Keep to one stretch of the data below, the lines from the one with "#67=IFCINDEXEDPOLYGONALFACE((2,6,8,4));" up to and including the one with "#86=IFCMATERIAL('Concrete C40/50',$,'concrete');", and return that stretch exactly.

(Collected data entries)
------------------------------------------------------------

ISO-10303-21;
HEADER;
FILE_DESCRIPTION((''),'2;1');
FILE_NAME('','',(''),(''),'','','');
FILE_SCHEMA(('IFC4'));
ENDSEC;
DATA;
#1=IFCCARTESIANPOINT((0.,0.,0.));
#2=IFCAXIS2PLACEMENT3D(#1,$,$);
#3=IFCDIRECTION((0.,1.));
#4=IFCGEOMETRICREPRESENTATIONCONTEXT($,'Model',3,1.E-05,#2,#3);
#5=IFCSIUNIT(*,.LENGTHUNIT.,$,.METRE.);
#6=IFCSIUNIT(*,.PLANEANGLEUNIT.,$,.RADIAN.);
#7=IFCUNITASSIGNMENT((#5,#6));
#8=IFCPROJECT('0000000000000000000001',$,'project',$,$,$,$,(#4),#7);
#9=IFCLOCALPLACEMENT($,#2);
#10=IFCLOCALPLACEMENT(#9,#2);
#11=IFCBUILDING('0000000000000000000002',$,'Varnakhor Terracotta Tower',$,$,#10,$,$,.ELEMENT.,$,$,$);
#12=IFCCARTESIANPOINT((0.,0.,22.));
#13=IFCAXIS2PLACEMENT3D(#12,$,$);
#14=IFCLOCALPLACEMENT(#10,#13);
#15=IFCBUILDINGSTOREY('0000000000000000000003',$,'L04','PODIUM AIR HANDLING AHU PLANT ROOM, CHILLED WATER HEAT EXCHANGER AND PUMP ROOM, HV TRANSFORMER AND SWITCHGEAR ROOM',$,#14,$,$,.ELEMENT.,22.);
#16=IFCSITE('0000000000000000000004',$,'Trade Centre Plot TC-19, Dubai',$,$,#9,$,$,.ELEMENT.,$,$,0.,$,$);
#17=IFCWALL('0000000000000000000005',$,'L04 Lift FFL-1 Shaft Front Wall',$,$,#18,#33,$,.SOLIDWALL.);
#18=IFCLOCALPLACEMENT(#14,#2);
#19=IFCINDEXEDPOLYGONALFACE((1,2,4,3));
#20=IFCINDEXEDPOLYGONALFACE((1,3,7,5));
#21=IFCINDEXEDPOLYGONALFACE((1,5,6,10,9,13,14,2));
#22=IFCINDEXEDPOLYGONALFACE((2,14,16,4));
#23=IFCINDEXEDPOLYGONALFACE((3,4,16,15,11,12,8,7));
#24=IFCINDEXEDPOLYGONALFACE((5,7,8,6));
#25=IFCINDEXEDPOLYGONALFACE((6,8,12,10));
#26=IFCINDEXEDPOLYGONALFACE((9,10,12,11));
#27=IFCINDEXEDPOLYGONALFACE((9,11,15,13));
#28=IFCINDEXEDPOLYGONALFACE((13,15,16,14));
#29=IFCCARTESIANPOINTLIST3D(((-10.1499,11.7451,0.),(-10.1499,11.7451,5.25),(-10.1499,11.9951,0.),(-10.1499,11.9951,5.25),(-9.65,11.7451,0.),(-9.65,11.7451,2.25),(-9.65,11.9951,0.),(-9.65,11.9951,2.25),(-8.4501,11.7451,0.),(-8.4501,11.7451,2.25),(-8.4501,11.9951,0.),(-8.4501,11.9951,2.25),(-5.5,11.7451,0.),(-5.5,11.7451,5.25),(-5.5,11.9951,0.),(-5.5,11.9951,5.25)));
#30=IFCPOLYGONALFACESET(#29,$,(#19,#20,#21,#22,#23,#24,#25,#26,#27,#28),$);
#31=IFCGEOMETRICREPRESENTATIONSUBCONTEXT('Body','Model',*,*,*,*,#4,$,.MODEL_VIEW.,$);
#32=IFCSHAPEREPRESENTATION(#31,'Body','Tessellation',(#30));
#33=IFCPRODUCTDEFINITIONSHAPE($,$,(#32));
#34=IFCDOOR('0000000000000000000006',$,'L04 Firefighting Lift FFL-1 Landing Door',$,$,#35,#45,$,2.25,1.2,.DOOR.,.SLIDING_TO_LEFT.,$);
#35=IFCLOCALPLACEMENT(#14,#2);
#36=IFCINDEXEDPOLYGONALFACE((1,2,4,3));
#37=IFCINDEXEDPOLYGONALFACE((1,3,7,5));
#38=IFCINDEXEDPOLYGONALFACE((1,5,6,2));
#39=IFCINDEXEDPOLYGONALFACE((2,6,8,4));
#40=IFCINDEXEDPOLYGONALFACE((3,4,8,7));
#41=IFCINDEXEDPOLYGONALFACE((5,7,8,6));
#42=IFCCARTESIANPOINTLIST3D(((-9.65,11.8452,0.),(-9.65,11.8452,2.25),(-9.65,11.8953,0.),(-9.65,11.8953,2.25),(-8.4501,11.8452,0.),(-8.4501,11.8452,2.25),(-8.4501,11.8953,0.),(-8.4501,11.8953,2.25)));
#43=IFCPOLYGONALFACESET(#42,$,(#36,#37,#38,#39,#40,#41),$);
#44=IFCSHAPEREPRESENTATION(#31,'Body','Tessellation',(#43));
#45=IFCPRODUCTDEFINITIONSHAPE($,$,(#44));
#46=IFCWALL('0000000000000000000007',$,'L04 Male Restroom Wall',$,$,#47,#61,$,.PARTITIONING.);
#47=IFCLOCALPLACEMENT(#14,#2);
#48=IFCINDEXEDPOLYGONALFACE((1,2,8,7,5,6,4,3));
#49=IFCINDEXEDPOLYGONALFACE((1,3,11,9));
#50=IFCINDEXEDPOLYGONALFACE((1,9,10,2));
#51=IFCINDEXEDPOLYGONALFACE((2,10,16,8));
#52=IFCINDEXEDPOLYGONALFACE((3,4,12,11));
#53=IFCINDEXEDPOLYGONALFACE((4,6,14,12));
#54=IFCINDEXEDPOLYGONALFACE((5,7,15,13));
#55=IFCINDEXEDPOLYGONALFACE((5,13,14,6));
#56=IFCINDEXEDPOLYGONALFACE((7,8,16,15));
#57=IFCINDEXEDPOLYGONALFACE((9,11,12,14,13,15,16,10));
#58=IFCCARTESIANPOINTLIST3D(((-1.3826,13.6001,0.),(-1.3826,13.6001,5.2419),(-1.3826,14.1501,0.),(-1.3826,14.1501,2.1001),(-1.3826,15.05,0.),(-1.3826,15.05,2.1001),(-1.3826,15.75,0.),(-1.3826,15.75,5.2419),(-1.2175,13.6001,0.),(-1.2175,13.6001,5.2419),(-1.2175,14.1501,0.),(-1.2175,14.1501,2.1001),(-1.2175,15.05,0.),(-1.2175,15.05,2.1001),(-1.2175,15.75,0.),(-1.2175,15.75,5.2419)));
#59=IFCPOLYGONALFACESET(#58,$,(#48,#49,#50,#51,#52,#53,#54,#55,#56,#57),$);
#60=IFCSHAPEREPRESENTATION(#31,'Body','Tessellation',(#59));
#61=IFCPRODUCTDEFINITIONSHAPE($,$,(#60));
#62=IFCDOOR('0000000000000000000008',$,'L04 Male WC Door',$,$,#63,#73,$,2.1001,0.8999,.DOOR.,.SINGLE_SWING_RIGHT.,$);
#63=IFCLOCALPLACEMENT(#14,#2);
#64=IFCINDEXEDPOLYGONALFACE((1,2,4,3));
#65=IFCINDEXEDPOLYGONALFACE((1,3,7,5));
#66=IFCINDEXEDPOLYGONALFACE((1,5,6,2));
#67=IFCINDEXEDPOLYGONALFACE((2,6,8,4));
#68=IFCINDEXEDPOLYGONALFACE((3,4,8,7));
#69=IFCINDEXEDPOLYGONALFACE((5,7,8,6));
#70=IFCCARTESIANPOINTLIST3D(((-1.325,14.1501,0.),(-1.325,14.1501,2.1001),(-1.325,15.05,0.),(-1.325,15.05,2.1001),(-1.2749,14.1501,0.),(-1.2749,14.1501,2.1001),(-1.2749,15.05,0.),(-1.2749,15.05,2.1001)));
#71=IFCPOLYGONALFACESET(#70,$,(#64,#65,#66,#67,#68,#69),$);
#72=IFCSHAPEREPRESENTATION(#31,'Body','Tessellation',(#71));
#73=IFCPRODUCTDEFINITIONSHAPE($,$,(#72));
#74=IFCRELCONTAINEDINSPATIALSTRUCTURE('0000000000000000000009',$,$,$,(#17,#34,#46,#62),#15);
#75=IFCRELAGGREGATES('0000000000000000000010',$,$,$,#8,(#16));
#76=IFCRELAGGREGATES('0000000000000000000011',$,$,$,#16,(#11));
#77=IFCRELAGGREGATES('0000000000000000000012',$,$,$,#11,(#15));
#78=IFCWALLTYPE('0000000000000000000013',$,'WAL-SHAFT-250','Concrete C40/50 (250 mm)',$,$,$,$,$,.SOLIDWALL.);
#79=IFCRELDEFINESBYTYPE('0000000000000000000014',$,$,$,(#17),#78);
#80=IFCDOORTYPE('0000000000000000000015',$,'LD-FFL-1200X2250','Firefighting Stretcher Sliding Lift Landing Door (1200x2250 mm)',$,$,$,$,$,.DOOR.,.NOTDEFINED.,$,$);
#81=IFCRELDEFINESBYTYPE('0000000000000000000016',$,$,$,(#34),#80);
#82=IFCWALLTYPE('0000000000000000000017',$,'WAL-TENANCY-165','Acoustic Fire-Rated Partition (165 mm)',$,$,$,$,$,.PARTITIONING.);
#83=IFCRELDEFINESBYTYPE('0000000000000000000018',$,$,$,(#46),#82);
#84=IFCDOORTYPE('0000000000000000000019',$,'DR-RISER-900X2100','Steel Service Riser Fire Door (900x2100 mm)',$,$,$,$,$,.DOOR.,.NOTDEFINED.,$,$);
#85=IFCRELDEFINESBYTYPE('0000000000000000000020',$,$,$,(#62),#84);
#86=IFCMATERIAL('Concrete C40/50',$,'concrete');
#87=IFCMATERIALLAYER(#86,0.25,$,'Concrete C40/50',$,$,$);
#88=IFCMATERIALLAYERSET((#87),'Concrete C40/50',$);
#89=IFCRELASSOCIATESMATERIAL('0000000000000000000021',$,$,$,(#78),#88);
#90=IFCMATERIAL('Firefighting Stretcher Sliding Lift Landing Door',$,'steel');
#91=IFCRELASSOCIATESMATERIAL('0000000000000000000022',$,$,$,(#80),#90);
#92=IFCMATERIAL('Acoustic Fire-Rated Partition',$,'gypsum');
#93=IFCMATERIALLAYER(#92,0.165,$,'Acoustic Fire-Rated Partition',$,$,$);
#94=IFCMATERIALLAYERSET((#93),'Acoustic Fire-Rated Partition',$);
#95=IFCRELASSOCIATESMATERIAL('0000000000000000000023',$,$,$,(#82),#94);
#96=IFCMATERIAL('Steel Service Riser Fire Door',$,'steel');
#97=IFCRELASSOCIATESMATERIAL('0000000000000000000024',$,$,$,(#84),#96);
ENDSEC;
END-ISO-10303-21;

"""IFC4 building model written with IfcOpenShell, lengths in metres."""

from ifc_helpers import new_model, si_unit, direction, frame, frame_2d, origin, place, context, subcontext, project, spatial, rectangle, extrude, source, transform, mapped, material, layer, layer_set, type_object, type_shapes, element, fill, save


model = new_model("IFC4")

# Units and contexts
model_context = context("Model", 3, precision=1e-05, world=origin(), true_north=direction((0.0, 1.0)))
body_context = subcontext(model_context, "Body", "Model", "MODEL_VIEW")
ifc_project = project(units=[si_unit("LENGTHUNIT", "METRE"), si_unit("PLANEANGLEUNIT", "RADIAN")], contexts=[model_context])

# Site, building, storey
site_placement = place(None, origin())
site = spatial("IfcSite", under=ifc_project, at=site_placement, Name="Trade Centre Plot TC-19, Dubai", CompositionType="ELEMENT", RefElevation=0.0)
building_placement = place(site_placement, origin())
building = spatial("IfcBuilding", under=site, at=building_placement, Name="Varnakhor Terracotta Tower", CompositionType="ELEMENT")
storey_placement = place(building_placement, frame((0.0, 0.0, 22.0)))
storey = spatial("IfcBuildingStorey", under=building, at=storey_placement, Name="L04", Description="PODIUM AIR HANDLING AHU PLANT ROOM, CHILLED WATER HEAT EXCHANGER AND PUMP ROOM, HV TRANSFORMER AND SWITCHGEAR ROOM", CompositionType="ELEMENT", Elevation=22.0)

# Shared definitions
ifc_material_1 = material(Name="Concrete C40/50", Category="concrete")

# Walls, openings, doors
ifc_layer_1 = layer(ifc_material_1, 0.25, Name="Concrete C40/50")
ifc_layer_set_1 = layer_set([ifc_layer_1], Name="Concrete C40/50")
wall_type_1 = type_object("IfcWallType", Name="WAL-SHAFT-250", Description="Concrete C40/50 (250 mm)", PredefinedType="SOLIDWALL", material=ifc_layer_set_1)
wall_1_placement = place(storey_placement, frame((-5.5, 11.8701, 0.0), z_axis=(0.0, 0.0, 1.0), x_axis=(-1.0, 0.0, 0.0)))
wall_1 = element("IfcWall", 1, at=wall_1_placement, inside=storey, type_object=wall_type_1, Name="L04 Lift FFL-1 Shaft Front Wall", PredefinedType="SOLIDWALL", context=body_context, shape_type="SweptSolid", body=[
    extrude(rectangle(XDim=4.6499, YDim=0.25, at=frame_2d((2.325, 0.0))), origin(), (0.0, 0.0, 1.0), 5.25),
])
opening_1_placement = place(wall_1_placement, frame((2.95, 0.0, 0.0)))
opening_1 = element("IfcOpeningElement", 2, at=opening_1_placement, cuts=wall_1, PredefinedType="OPENING", context=body_context, shape_type="SweptSolid", body=[
    extrude(rectangle(XDim=1.2, YDim=2.25, at=frame_2d((0.6001, 1.125))), frame((0.0, 0.135, 0.0), z_axis=(0.0, -1.0, 0.0), x_axis=(1.0, 0.0, 0.0)), (0.0, 0.0, 1.0), 0.27),
])
ifc_material_2 = material(Name="Firefighting Stretcher Sliding Lift Landing Door", Category="steel")
door_type_1 = type_object("IfcDoorType", Name="LD-FFL-1200X2250", Description="Firefighting Stretcher Sliding Lift Landing Door (1200x2250 mm)", OperationType="NOTDEFINED", PredefinedType="DOOR", material=ifc_material_2)
shared_shape_1 = source(origin(), body_context, "Body", "SweptSolid", [
    extrude(rectangle(XDim=1.2, YDim=2.25, at=frame_2d((0.6001, 1.125))), frame((0.0, 0.0249, 0.0), z_axis=(0.0, -1.0, 0.0), x_axis=(1.0, 0.0, 0.0)), (0.0, 0.0, 1.0), 0.05),
])
type_shapes(door_type_1, [shared_shape_1])
door_1_placement = place(opening_1_placement, origin())
door_1 = element("IfcDoor", 3, at=door_1_placement, inside=storey, type_object=door_type_1, Name="L04 Firefighting Lift FFL-1 Landing Door", OperationType="SLIDING_TO_LEFT", OverallHeight=2.25, OverallWidth=1.2, PredefinedType="DOOR", context=body_context, shape_type="MappedRepresentation", body=[
    mapped(shared_shape_1, transform((0.0, 0.0, 0.0), scale=1.0)),
])
fill(opening_1, door_1)
ifc_material_3 = material(Name="Acoustic Fire-Rated Partition", Category="gypsum")
ifc_layer_2 = layer(ifc_material_3, 0.165, Name="Acoustic Fire-Rated Partition")
ifc_layer_set_2 = layer_set([ifc_layer_2], Name="Acoustic Fire-Rated Partition")
wall_type_2 = type_object("IfcWallType", Name="WAL-TENANCY-165", Description="Acoustic Fire-Rated Partition (165 mm)", PredefinedType="PARTITIONING", material=ifc_layer_set_2)
wall_2_placement = place(storey_placement, frame((-1.3, 13.6001, 0.0), z_axis=(0.0, 0.0, 1.0), x_axis=(0.0, 1.0, 0.0)))
wall_2 = element("IfcWall", 4, at=wall_2_placement, inside=storey, type_object=wall_type_2, Name="L04 Male Restroom Wall", PredefinedType="PARTITIONING", context=body_context, shape_type="SweptSolid", body=[
    extrude(rectangle(XDim=2.1499, YDim=0.165, at=frame_2d((1.075, 0.0))), origin(), (0.0, 0.0, 1.0), 5.2419),
])
opening_2_placement = place(wall_2_placement, frame((0.55, 0.0, 0.0)))
opening_2 = element("IfcOpeningElement", 5, at=opening_2_placement, cuts=wall_2, PredefinedType="OPENING", context=body_context, shape_type="SweptSolid", body=[
    extrude(rectangle(XDim=0.8999, YDim=2.1001, at=frame_2d((0.45, 1.05))), frame((0.0, 0.0925, 0.0), z_axis=(0.0, -1.0, 0.0), x_axis=(1.0, 0.0, 0.0)), (0.0, 0.0, 1.0), 0.1851),
])
ifc_material_4 = material(Name="Steel Service Riser Fire Door", Category="steel")
door_type_2 = type_object("IfcDoorType", Name="DR-RISER-900X2100", Description="Steel Service Riser Fire Door (900x2100 mm)", OperationType="NOTDEFINED", PredefinedType="DOOR", material=ifc_material_4)
shared_shape_2 = source(origin(), body_context, "Body", "SweptSolid", [
    extrude(rectangle(XDim=0.8999, YDim=2.1001, at=frame_2d((0.45, 1.05))), frame((0.0, 0.0249, 0.0), z_axis=(0.0, -1.0, 0.0), x_axis=(1.0, 0.0, 0.0)), (0.0, 0.0, 1.0), 0.05),
])
type_shapes(door_type_2, [shared_shape_2])
door_2_placement = place(opening_2_placement, origin())
door_2 = element("IfcDoor", 6, at=door_2_placement, inside=storey, type_object=door_type_2, Name="L04 Male WC Door", OperationType="SINGLE_SWING_RIGHT", OverallHeight=2.1001, OverallWidth=0.8999, PredefinedType="DOOR", context=body_context, shape_type="MappedRepresentation", body=[
    mapped(shared_shape_2, transform((0.0, 0.0, 0.0), scale=1.0)),
])
fill(opening_2, door_2)

save(model, "model.ifc")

------------------------------------------------------------

Exercise solution:
#67=IFCINDEXEDPOLYGONALFACE((2,6,8,4));
#68=IFCINDEXEDPOLYGONALFACE((3,4,8,7));
#69=IFCINDEXEDPOLYGONALFACE((5,7,8,6));
#70=IFCCARTESIANPOINTLIST3D(((-1.325,14.1501,0.),(-1.325,14.1501,2.1001),(-1.325,15.05,0.),(-1.325,15.05,2.1001),(-1.2749,14.1501,0.),(-1.2749,14.1501,2.1001),(-1.2749,15.05,0.),(-1.2749,15.05,2.1001)));
#71=IFCPOLYGONALFACESET(#70,$,(#64,#65,#66,#67,#68,#69),$);
#72=IFCSHAPEREPRESENTATION(#31,'Body','Tessellation',(#71));
#73=IFCPRODUCTDEFINITIONSHAPE($,$,(#72));
#74=IFCRELCONTAINEDINSPATIALSTRUCTURE('0000000000000000000009',$,$,$,(#17,#34,#46,#62),#15);
#75=IFCRELAGGREGATES('0000000000000000000010',$,$,$,#8,(#16));
#76=IFCRELAGGREGATES('0000000000000000000011',$,$,$,#16,(#11));
#77=IFCRELAGGREGATES('0000000000000000000012',$,$,$,#11,(#15));
#78=IFCWALLTYPE('0000000000000000000013',$,'WAL-SHAFT-250','Concrete C40/50 (250 mm)',$,$,$,$,$,.SOLIDWALL.);
#79=IFCRELDEFINESBYTYPE('0000000000000000000014',$,$,$,(#17),#78);
#80=IFCDOORTYPE('0000000000000000000015',$,'LD-FFL-1200X2250','Firefighting Stretcher Sliding Lift Landing Door (1200x2250 mm)',$,$,$,$,$,.DOOR.,.NOTDEFINED.,$,$);
#81=IFCRELDEFINESBYTYPE('0000000000000000000016',$,$,$,(#34),#80);
#82=IFCWALLTYPE('0000000000000000000017',$,'WAL-TENANCY-165','Acoustic Fire-Rated Partition (165 mm)',$,$,$,$,$,.PARTITIONING.);
#83=IFCRELDEFINESBYTYPE('0000000000000000000018',$,$,$,(#46),#82);
#84=IFCDOORTYPE('0000000000000000000019',$,'DR-RISER-900X2100','Steel Service Riser Fire Door (900x2100 mm)',$,$,$,$,$,.DOOR.,.NOTDEFINED.,$,$);
#85=IFCRELDEFINESBYTYPE('0000000000000000000020',$,$,$,(#62),#84);
#86=IFCMATERIAL('Concrete C40/50',$,'concrete');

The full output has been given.